**Problem description:**
The lines wanted run from the first one below through the one with "#183=IFCPRODUCTDEFINITIONSHAPE($,$,(#182));". Return them exactly.

START Provided records

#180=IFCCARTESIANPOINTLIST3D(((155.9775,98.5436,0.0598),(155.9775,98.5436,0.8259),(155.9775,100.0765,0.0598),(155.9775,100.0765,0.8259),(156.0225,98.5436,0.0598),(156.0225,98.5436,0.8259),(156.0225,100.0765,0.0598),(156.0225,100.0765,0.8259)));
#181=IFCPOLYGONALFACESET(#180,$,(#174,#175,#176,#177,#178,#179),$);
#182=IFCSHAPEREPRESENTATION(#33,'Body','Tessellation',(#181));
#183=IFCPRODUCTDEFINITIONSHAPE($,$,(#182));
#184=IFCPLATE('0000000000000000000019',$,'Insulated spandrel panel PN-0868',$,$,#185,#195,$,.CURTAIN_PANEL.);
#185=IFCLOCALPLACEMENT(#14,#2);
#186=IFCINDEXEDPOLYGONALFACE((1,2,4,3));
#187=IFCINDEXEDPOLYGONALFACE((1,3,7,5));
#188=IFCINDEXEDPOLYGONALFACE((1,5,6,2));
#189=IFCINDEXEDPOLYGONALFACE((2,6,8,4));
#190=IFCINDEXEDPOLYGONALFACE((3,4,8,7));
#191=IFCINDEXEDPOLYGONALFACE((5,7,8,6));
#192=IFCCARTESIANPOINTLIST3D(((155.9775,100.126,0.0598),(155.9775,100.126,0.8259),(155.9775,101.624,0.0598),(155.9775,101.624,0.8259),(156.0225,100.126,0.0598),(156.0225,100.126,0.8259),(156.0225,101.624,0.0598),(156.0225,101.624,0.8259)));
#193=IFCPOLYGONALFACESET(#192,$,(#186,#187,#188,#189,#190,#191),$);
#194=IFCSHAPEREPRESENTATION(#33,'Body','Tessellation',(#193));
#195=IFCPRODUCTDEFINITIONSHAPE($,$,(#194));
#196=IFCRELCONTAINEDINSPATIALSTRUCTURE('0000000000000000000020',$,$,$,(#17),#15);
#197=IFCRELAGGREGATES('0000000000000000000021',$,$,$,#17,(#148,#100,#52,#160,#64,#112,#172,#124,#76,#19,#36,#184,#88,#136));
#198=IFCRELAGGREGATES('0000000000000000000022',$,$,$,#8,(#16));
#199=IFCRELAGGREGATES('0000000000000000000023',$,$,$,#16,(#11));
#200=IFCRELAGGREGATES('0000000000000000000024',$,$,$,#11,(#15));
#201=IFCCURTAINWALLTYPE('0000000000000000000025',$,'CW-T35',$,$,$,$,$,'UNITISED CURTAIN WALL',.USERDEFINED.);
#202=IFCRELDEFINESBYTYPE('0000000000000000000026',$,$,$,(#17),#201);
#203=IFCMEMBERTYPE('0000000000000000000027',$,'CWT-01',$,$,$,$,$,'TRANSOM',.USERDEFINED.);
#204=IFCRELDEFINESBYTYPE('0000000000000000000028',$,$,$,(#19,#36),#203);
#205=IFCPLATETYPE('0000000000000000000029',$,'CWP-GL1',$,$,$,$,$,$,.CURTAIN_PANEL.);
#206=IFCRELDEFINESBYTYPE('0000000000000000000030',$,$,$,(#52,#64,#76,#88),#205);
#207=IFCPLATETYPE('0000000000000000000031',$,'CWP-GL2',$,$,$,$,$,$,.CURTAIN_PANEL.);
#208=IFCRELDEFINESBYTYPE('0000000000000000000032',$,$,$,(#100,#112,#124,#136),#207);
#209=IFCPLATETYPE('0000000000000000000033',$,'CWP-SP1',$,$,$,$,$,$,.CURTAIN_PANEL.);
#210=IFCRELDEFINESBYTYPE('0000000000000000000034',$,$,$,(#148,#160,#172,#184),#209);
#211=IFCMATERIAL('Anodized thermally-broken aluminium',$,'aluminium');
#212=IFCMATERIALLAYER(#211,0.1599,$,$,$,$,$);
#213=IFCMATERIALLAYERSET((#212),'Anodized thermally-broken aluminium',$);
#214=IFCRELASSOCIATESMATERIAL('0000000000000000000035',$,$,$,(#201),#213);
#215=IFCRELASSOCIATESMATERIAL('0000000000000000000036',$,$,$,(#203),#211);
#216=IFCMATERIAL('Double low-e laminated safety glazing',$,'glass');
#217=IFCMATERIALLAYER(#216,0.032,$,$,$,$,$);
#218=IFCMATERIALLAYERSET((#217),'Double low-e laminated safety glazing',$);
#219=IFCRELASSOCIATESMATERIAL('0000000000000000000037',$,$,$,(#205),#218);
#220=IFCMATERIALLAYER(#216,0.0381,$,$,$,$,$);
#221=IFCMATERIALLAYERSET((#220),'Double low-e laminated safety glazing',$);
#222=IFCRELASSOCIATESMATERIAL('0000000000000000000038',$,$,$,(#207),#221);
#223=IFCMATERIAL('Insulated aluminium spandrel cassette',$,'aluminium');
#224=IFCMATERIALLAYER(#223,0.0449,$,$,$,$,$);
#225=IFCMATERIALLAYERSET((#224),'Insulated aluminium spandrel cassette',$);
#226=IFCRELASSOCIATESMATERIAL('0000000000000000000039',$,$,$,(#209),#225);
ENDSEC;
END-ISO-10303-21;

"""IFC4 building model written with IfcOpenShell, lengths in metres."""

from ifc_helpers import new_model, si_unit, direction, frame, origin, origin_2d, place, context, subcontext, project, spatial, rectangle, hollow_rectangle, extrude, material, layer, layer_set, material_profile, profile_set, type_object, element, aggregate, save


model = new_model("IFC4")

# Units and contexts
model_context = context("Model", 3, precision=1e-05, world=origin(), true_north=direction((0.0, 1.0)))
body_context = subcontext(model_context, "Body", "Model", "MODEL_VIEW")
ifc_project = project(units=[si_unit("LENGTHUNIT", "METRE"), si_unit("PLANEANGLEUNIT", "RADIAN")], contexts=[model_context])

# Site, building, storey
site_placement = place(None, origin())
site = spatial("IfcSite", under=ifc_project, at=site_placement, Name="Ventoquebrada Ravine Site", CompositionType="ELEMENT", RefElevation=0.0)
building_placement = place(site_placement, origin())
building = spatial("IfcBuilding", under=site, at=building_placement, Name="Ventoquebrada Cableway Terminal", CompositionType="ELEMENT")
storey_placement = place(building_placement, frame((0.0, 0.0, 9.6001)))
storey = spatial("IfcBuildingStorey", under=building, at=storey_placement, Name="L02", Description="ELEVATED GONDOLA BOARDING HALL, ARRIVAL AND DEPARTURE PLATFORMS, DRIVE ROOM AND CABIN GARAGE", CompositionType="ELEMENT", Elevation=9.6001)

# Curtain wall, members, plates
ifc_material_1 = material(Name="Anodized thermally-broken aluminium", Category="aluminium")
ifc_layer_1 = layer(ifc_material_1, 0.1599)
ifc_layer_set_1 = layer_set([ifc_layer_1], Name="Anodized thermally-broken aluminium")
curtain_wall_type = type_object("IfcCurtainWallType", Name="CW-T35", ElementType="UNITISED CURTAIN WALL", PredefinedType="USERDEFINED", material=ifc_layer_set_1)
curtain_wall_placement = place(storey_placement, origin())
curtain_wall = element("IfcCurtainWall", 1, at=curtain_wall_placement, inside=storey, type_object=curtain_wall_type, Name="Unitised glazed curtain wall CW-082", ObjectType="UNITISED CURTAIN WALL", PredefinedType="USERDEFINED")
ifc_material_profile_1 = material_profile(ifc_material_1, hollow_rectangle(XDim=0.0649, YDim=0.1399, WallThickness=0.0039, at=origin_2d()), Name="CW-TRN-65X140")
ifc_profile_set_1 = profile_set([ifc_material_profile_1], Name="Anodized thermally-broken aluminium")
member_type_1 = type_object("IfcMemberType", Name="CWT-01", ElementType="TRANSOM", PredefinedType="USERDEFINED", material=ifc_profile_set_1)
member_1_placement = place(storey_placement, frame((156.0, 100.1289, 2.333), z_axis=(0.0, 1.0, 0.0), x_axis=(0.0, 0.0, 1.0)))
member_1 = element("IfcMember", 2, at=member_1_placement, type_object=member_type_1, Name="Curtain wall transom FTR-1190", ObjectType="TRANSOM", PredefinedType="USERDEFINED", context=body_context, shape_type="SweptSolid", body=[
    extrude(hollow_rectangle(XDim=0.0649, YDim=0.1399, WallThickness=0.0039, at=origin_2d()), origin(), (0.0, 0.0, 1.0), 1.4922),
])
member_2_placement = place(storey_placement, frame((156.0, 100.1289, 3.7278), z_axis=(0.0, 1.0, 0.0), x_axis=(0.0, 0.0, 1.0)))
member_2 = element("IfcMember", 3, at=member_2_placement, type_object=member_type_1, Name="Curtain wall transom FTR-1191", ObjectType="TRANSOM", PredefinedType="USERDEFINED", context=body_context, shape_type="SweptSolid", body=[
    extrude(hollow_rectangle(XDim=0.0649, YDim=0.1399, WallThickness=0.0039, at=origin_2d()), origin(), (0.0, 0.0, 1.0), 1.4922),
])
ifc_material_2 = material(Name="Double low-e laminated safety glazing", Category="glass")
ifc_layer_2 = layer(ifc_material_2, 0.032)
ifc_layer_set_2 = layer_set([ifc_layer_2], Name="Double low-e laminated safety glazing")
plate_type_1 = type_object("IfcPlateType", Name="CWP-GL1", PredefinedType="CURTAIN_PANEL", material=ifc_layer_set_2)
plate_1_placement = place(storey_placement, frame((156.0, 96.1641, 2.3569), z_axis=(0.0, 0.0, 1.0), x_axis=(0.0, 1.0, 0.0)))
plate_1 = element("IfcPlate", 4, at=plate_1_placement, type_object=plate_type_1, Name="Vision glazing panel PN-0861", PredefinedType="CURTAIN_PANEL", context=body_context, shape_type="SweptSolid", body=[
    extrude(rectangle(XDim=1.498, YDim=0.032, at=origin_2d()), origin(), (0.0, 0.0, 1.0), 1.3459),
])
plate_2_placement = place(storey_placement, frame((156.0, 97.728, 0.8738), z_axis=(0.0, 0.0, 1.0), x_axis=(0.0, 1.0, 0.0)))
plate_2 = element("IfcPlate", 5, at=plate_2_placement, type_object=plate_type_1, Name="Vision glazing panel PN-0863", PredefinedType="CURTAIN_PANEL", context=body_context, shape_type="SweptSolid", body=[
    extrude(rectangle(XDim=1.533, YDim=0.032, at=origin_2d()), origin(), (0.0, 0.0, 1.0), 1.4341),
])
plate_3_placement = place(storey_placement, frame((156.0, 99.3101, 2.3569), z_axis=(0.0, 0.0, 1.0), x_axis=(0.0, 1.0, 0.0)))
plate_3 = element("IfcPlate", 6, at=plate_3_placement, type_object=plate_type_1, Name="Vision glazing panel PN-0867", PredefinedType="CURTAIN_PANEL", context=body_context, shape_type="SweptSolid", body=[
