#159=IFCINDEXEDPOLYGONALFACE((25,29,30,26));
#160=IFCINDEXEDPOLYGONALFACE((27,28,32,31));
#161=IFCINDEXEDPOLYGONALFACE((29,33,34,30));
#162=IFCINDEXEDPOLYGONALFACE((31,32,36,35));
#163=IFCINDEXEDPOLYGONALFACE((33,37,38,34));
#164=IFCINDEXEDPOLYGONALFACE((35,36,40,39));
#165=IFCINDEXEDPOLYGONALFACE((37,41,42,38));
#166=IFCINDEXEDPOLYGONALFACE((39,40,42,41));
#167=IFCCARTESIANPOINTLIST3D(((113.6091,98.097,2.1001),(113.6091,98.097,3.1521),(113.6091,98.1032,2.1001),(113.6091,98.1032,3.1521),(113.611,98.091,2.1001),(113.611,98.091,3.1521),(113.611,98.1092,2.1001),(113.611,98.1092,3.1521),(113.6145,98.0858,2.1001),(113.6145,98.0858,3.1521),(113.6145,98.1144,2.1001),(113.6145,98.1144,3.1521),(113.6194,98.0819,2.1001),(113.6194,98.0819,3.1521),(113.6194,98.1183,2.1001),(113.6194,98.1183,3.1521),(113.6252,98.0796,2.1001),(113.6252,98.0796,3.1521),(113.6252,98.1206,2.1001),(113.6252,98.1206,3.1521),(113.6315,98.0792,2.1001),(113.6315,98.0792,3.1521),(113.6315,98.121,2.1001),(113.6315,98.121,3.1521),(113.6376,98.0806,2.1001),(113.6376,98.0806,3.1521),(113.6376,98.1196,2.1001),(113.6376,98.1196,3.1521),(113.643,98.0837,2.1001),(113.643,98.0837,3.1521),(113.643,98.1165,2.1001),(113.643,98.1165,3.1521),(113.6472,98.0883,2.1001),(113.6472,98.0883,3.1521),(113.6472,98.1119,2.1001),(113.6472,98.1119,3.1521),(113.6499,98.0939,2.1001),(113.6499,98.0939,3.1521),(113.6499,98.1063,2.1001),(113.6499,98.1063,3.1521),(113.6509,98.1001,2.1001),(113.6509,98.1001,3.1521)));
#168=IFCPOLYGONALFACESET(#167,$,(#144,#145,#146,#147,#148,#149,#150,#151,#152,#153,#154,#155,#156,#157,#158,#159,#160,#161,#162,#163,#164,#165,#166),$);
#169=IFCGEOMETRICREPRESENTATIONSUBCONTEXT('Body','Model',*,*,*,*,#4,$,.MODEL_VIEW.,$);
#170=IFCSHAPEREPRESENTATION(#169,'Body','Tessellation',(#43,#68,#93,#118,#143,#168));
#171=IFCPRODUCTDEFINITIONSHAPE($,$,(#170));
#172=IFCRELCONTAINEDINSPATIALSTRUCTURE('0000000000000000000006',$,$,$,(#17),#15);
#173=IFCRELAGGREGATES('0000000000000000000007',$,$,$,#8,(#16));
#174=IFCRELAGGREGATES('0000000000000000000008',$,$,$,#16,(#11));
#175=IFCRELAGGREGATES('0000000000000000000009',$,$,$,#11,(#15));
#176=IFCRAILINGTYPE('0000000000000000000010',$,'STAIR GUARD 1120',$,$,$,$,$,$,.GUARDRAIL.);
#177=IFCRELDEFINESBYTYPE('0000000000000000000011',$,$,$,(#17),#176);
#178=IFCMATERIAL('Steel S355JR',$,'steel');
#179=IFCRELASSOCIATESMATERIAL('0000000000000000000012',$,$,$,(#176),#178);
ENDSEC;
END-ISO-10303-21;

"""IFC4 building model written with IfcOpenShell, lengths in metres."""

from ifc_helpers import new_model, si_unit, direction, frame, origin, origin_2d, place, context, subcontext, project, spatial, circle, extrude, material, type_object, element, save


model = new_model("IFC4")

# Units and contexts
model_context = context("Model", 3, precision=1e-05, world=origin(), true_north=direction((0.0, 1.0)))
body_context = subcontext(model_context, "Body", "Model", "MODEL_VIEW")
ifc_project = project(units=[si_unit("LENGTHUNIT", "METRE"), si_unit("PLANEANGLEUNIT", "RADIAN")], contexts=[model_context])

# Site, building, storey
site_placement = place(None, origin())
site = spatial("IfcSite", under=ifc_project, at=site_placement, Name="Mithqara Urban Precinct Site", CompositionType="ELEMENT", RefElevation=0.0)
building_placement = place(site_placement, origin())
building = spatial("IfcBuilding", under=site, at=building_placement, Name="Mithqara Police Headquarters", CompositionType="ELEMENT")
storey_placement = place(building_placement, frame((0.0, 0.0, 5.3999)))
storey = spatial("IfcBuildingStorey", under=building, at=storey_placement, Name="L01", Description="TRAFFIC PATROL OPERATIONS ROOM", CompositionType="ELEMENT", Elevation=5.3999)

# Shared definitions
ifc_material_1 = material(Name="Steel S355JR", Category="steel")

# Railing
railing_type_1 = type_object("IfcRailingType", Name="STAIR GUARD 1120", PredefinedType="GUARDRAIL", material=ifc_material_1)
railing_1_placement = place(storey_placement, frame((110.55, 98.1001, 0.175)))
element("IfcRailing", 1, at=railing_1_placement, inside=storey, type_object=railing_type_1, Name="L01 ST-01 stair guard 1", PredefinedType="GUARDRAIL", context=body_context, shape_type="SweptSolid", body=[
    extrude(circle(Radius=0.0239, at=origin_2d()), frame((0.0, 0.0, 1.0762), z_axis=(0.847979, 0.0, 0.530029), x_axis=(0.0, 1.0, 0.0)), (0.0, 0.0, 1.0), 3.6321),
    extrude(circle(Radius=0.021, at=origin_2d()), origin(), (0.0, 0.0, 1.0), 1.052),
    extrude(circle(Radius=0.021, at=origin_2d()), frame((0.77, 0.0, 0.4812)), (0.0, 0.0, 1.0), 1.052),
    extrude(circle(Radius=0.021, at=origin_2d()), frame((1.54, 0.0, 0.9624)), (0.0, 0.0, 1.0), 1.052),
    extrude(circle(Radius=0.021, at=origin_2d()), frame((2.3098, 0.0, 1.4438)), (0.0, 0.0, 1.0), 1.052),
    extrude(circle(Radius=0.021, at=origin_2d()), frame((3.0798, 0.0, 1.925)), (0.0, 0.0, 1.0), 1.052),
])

END Provided records

**Written answer:**
#180=IFCCARTESIANPOINTLIST3D(((155.9775,98.5436,0.0598),(155.9775,98.5436,0.8259),(155.9775,100.0765,0.0598),(155.9775,100.0765,0.8259),(156.0225,98.5436,0.0598),(156.0225,98.5436,0.8259),(156.0225,100.0765,0.0598),(156.0225,100.0765,0.8259)));
#181=IFCPOLYGONALFACESET(#180,$,(#174,#175,#176,#177,#178,#179),$);
#182=IFCSHAPEREPRESENTATION(#33,'Body','Tessellation',(#181));
#183=IFCPRODUCTDEFINITIONSHAPE($,$,(#182));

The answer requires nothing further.